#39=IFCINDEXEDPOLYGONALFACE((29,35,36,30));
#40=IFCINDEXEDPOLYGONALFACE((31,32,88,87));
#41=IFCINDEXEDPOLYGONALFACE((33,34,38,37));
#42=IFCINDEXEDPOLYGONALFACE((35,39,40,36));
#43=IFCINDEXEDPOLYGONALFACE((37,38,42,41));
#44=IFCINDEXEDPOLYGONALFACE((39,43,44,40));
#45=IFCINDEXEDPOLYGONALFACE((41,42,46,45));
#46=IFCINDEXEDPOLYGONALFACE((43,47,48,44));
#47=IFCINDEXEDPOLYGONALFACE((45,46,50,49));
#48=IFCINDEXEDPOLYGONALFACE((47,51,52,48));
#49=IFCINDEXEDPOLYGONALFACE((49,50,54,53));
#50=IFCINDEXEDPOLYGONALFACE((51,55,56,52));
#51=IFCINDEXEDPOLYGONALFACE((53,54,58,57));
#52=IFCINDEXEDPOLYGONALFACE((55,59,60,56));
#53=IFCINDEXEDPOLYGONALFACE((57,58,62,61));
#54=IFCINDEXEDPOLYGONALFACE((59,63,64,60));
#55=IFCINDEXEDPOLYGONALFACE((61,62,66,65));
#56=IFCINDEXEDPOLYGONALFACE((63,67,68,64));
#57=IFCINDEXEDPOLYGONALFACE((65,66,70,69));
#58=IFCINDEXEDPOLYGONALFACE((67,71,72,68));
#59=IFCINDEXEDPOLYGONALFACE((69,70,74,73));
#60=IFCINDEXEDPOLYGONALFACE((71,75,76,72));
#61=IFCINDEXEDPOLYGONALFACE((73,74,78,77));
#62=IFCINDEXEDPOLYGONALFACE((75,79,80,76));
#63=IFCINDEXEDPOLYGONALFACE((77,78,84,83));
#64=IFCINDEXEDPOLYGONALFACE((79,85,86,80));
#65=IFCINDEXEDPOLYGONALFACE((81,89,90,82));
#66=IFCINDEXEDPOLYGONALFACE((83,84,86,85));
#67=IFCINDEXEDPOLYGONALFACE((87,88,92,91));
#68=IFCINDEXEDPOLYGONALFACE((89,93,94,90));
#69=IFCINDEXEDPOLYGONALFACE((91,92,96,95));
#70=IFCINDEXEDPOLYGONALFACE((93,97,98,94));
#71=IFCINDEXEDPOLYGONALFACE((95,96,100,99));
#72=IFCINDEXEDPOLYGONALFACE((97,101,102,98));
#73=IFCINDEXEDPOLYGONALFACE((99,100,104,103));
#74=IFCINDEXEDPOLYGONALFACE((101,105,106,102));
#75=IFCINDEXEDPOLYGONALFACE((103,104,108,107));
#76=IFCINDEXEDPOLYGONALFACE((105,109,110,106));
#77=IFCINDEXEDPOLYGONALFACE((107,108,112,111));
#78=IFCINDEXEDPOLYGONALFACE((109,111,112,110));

--

Using the entries above, repeat only the lines from the one containing "#69=IFCINDEXEDPOLYGONALFACE((91,92,96,95));" through the one containing "#76=IFCINDEXEDPOLYGONALFACE((105,109,110,106));", end lines included.

**Result below**
#69=IFCINDEXEDPOLYGONALFACE((91,92,96,95));
#70=IFCINDEXEDPOLYGONALFACE((93,97,98,94));
#71=IFCINDEXEDPOLYGONALFACE((95,96,100,99));
#72=IFCINDEXEDPOLYGONALFACE((97,101,102,98));
#73=IFCINDEXEDPOLYGONALFACE((99,100,104,103));
#74=IFCINDEXEDPOLYGONALFACE((101,105,106,102));
#75=IFCINDEXEDPOLYGONALFACE((103,104,108,107));
#76=IFCINDEXEDPOLYGONALFACE((105,109,110,106));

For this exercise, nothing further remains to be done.